• Exercise data:
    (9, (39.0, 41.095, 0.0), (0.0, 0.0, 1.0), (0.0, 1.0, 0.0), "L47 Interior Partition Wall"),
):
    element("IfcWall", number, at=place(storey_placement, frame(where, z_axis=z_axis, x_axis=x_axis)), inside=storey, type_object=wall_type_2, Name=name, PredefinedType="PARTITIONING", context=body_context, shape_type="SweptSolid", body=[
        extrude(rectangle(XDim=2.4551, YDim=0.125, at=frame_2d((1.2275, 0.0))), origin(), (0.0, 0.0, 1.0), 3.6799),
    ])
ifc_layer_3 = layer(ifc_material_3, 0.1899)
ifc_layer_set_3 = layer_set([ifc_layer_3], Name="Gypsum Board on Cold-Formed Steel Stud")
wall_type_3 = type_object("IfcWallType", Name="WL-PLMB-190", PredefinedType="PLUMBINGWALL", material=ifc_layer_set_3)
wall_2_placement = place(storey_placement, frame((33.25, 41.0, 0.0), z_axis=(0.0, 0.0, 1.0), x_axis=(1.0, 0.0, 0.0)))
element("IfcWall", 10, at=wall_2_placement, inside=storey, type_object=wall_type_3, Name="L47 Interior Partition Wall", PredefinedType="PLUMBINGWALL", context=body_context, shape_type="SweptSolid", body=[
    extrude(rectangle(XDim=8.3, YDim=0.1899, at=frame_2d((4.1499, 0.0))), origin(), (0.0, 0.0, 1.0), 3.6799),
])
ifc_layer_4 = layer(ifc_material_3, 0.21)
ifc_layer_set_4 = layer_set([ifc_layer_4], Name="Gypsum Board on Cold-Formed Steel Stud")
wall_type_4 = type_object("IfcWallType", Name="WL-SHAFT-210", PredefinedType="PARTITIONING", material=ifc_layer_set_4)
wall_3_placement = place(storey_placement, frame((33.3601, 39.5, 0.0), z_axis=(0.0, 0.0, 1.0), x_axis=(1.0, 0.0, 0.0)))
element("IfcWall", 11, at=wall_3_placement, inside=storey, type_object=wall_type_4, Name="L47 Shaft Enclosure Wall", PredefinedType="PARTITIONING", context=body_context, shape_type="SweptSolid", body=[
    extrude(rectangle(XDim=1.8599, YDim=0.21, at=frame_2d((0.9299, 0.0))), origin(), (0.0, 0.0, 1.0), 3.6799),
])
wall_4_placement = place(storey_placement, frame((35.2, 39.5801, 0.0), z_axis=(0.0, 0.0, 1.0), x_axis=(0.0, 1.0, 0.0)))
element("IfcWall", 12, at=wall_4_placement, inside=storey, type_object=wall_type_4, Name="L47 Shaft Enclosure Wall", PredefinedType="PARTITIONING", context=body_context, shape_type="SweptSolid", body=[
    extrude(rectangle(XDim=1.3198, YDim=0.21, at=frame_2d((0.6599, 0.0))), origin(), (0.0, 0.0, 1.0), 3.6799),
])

--

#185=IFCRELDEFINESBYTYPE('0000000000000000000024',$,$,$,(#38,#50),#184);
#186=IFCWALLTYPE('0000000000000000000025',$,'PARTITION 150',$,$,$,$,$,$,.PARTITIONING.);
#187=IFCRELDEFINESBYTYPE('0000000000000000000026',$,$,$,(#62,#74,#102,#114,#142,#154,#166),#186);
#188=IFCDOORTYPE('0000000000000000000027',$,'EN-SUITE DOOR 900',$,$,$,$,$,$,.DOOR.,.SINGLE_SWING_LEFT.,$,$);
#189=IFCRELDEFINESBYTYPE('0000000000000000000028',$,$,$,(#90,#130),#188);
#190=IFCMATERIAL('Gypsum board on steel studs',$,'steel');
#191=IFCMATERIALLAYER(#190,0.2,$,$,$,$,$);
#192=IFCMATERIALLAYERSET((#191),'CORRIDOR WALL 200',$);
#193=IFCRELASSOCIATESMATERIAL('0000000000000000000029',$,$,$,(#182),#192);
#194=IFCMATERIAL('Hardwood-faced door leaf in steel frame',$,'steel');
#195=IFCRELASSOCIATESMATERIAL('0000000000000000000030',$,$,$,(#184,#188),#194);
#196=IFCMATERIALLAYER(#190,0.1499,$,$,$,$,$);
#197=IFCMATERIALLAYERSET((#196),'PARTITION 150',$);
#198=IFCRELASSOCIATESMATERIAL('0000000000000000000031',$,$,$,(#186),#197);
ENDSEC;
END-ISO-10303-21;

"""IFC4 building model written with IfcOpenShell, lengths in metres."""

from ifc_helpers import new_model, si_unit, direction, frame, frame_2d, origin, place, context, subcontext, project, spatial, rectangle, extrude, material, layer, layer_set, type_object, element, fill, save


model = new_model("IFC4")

• Task to complete: Copy all lines of the records in which the string "Enclosure" can be found.

• Solution:
element("IfcWall", 11, at=wall_3_placement, inside=storey, type_object=wall_type_4, Name="L47 Shaft Enclosure Wall", PredefinedType="PARTITIONING", context=body_context, shape_type="SweptSolid", body=[
element("IfcWall", 12, at=wall_4_placement, inside=storey, type_object=wall_type_4, Name="L47 Shaft Enclosure Wall", PredefinedType="PARTITIONING", context=body_context, shape_type="SweptSolid", body=[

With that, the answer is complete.